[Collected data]
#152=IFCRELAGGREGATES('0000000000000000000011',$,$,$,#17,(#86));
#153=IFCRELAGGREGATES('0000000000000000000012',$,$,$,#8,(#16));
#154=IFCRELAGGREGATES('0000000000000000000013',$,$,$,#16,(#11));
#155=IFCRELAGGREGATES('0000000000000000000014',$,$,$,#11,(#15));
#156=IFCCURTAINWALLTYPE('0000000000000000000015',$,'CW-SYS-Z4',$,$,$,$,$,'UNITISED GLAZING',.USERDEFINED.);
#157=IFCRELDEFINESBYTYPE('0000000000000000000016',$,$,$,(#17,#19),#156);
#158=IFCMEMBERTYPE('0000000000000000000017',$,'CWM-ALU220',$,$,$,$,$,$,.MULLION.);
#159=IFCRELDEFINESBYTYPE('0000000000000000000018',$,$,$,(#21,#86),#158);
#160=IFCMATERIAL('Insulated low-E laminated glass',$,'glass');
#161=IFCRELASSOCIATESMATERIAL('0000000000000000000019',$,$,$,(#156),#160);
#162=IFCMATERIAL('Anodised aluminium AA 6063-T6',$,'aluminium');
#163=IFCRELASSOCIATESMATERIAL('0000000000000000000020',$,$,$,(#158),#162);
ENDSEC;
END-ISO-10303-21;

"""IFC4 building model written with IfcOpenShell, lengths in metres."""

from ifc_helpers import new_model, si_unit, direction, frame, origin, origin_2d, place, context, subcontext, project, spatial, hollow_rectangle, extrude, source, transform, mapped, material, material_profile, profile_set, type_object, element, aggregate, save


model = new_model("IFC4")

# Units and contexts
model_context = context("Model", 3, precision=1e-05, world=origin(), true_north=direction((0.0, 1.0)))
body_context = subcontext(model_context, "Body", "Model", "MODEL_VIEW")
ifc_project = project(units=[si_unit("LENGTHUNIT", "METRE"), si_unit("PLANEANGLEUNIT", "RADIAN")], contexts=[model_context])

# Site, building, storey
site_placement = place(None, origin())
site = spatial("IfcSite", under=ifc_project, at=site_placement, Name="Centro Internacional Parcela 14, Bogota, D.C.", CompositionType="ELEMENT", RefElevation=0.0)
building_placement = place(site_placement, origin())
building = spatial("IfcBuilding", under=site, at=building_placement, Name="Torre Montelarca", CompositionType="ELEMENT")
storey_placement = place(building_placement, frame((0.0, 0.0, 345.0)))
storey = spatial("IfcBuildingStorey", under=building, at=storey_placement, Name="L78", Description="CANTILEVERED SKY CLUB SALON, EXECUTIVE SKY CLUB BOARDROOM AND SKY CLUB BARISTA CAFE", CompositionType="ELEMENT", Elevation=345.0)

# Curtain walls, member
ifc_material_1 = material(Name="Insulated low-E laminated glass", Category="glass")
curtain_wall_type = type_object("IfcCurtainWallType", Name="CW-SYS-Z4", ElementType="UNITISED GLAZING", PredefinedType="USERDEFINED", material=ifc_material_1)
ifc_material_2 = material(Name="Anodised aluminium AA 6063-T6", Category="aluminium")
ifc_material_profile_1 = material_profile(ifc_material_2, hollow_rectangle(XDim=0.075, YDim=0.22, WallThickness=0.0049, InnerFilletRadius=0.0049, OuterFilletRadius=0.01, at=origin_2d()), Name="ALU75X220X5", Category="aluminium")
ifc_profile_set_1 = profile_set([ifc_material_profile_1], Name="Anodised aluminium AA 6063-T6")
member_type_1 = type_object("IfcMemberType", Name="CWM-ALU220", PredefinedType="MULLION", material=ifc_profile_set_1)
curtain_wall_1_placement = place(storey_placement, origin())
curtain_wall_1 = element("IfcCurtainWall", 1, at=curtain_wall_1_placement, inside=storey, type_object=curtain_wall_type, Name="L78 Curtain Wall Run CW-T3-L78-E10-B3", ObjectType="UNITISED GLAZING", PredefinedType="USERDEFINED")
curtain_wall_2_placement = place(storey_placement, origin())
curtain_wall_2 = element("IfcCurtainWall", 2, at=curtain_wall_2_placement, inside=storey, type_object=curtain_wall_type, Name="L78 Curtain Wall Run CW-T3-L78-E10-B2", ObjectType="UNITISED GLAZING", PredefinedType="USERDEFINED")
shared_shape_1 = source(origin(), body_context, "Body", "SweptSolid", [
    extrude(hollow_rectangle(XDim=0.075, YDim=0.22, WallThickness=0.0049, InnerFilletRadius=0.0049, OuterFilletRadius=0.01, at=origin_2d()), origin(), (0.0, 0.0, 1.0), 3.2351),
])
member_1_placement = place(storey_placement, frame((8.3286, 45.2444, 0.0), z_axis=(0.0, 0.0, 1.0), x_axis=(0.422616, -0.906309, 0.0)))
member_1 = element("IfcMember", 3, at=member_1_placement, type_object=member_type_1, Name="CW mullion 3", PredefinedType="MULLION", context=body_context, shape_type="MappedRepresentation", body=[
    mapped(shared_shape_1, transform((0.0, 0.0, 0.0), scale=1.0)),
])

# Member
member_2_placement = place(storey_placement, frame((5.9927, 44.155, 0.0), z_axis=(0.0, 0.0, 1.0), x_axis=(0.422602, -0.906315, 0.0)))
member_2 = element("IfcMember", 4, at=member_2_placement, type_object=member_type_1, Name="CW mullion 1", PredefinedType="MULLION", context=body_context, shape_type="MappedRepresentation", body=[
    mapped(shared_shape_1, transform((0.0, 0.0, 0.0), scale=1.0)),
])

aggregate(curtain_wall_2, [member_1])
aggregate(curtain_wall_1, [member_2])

» **REQUIRED WORK**
Reproduce all the records shown above, unchanged.

» **SOLUTION TO THIS PROBLEM**
#152=IFCRELAGGREGATES('0000000000000000000011',$,$,$,#17,(#86));
#153=IFCRELAGGREGATES('0000000000000000000012',$,$,$,#8,(#16));
#154=IFCRELAGGREGATES('0000000000000000000013',$,$,$,#16,(#11));
#155=IFCRELAGGREGATES('0000000000000000000014',$,$,$,#11,(#15));
#156=IFCCURTAINWALLTYPE('0000000000000000000015',$,'CW-SYS-Z4',$,$,$,$,$,'UNITISED GLAZING',.USERDEFINED.);
#157=IFCRELDEFINESBYTYPE('0000000000000000000016',$,$,$,(#17,#19),#156);
#158=IFCMEMBERTYPE('0000000000000000000017',$,'CWM-ALU220',$,$,$,$,$,$,.MULLION.);
#159=IFCRELDEFINESBYTYPE('0000000000000000000018',$,$,$,(#21,#86),#158);
#160=IFCMATERIAL('Insulated low-E laminated glass',$,'glass');
#161=IFCRELASSOCIATESMATERIAL('0000000000000000000019',$,$,$,(#156),#160);
#162=IFCMATERIAL('Anodised aluminium AA 6063-T6',$,'aluminium');
#163=IFCRELASSOCIATESMATERIAL('0000000000000000000020',$,$,$,(#158),#162);
ENDSEC;
END-ISO-10303-21;

"""IFC4 building model written with IfcOpenShell, lengths in metres."""

from ifc_helpers import new_model, si_unit, direction, frame, origin, origin_2d, place, context, subcontext, project, spatial, hollow_rectangle, extrude, source, transform, mapped, material, material_profile, profile_set, type_object, element, aggregate, save


model = new_model("IFC4")

# Units and contexts
model_context = context("Model", 3, precision=1e-05, world=origin(), true_north=direction((0.0, 1.0)))
body_context = subcontext(model_context, "Body", "Model", "MODEL_VIEW")
ifc_project = project(units=[si_unit("LENGTHUNIT", "METRE"), si_unit("PLANEANGLEUNIT", "RADIAN")], contexts=[model_context])

# Site, building, storey
site_placement = place(None, origin())
site = spatial("IfcSite", under=ifc_project, at=site_placement, Name="Centro Internacional Parcela 14, Bogota, D.C.", CompositionType="ELEMENT", RefElevation=0.0)
building_placement = place(site_placement, origin())
building = spatial("IfcBuilding", under=site, at=building_placement, Name="Torre Montelarca", CompositionType="ELEMENT")
storey_placement = place(building_placement, frame((0.0, 0.0, 345.0)))
storey = spatial("IfcBuildingStorey", under=building, at=storey_placement, Name="L78", Description="CANTILEVERED SKY CLUB SALON, EXECUTIVE SKY CLUB BOARDROOM AND SKY CLUB BARISTA CAFE", CompositionType="ELEMENT", Elevation=345.0)

# Curtain walls, member
ifc_material_1 = material(Name="Insulated low-E laminated glass", Category="glass")
curtain_wall_type = type_object("IfcCurtainWallType", Name="CW-SYS-Z4", ElementType="UNITISED GLAZING", PredefinedType="USERDEFINED", material=ifc_material_1)
ifc_material_2 = material(Name="Anodised aluminium AA 6063-T6", Category="aluminium")
ifc_material_profile_1 = material_profile(ifc_material_2, hollow_rectangle(XDim=0.075, YDim=0.22, WallThickness=0.0049, InnerFilletRadius=0.0049, OuterFilletRadius=0.01, at=origin_2d()), Name="ALU75X220X5", Category="aluminium")
ifc_profile_set_1 = profile_set([ifc_material_profile_1], Name="Anodised aluminium AA 6063-T6")
member_type_1 = type_object("IfcMemberType", Name="CWM-ALU220", PredefinedType="MULLION", material=ifc_profile_set_1)
curtain_wall_1_placement = place(storey_placement, origin())
curtain_wall_1 = element("IfcCurtainWall", 1, at=curtain_wall_1_placement, inside=storey, type_object=curtain_wall_type, Name="L78 Curtain Wall Run CW-T3-L78-E10-B3", ObjectType="UNITISED GLAZING", PredefinedType="USERDEFINED")
curtain_wall_2_placement = place(storey_placement, origin())
curtain_wall_2 = element("IfcCurtainWall", 2, at=curtain_wall_2_placement, inside=storey, type_object=curtain_wall_type, Name="L78 Curtain Wall Run CW-T3-L78-E10-B2", ObjectType="UNITISED GLAZING", PredefinedType="USERDEFINED")
shared_shape_1 = source(origin(), body_context, "Body", "SweptSolid", [
    extrude(hollow_rectangle(XDim=0.075, YDim=0.22, WallThickness=0.0049, InnerFilletRadius=0.0049, OuterFilletRadius=0.01, at=origin_2d()), origin(), (0.0, 0.0, 1.0), 3.2351),
])
member_1_placement = place(storey_placement, frame((8.3286, 45.2444, 0.0), z_axis=(0.0, 0.0, 1.0), x_axis=(0.422616, -0.906309, 0.0)))
member_1 = element("IfcMember", 3, at=member_1_placement, type_object=member_type_1, Name="CW mullion 3", PredefinedType="MULLION", context=body_context, shape_type="MappedRepresentation", body=[
    mapped(shared_shape_1, transform((0.0, 0.0, 0.0), scale=1.0)),
])

# Member
member_2_placement = place(storey_placement, frame((5.9927, 44.155, 0.0), z_axis=(0.0, 0.0, 1.0), x_axis=(0.422602, -0.906315, 0.0)))
member_2 = element("IfcMember", 4, at=member_2_placement, type_object=member_type_1, Name="CW mullion 1", PredefinedType="MULLION", context=body_context, shape_type="MappedRepresentation", body=[
    mapped(shared_shape_1, transform((0.0, 0.0, 0.0), scale=1.0)),
])

aggregate(curtain_wall_2, [member_1])
aggregate(curtain_wall_1, [member_2])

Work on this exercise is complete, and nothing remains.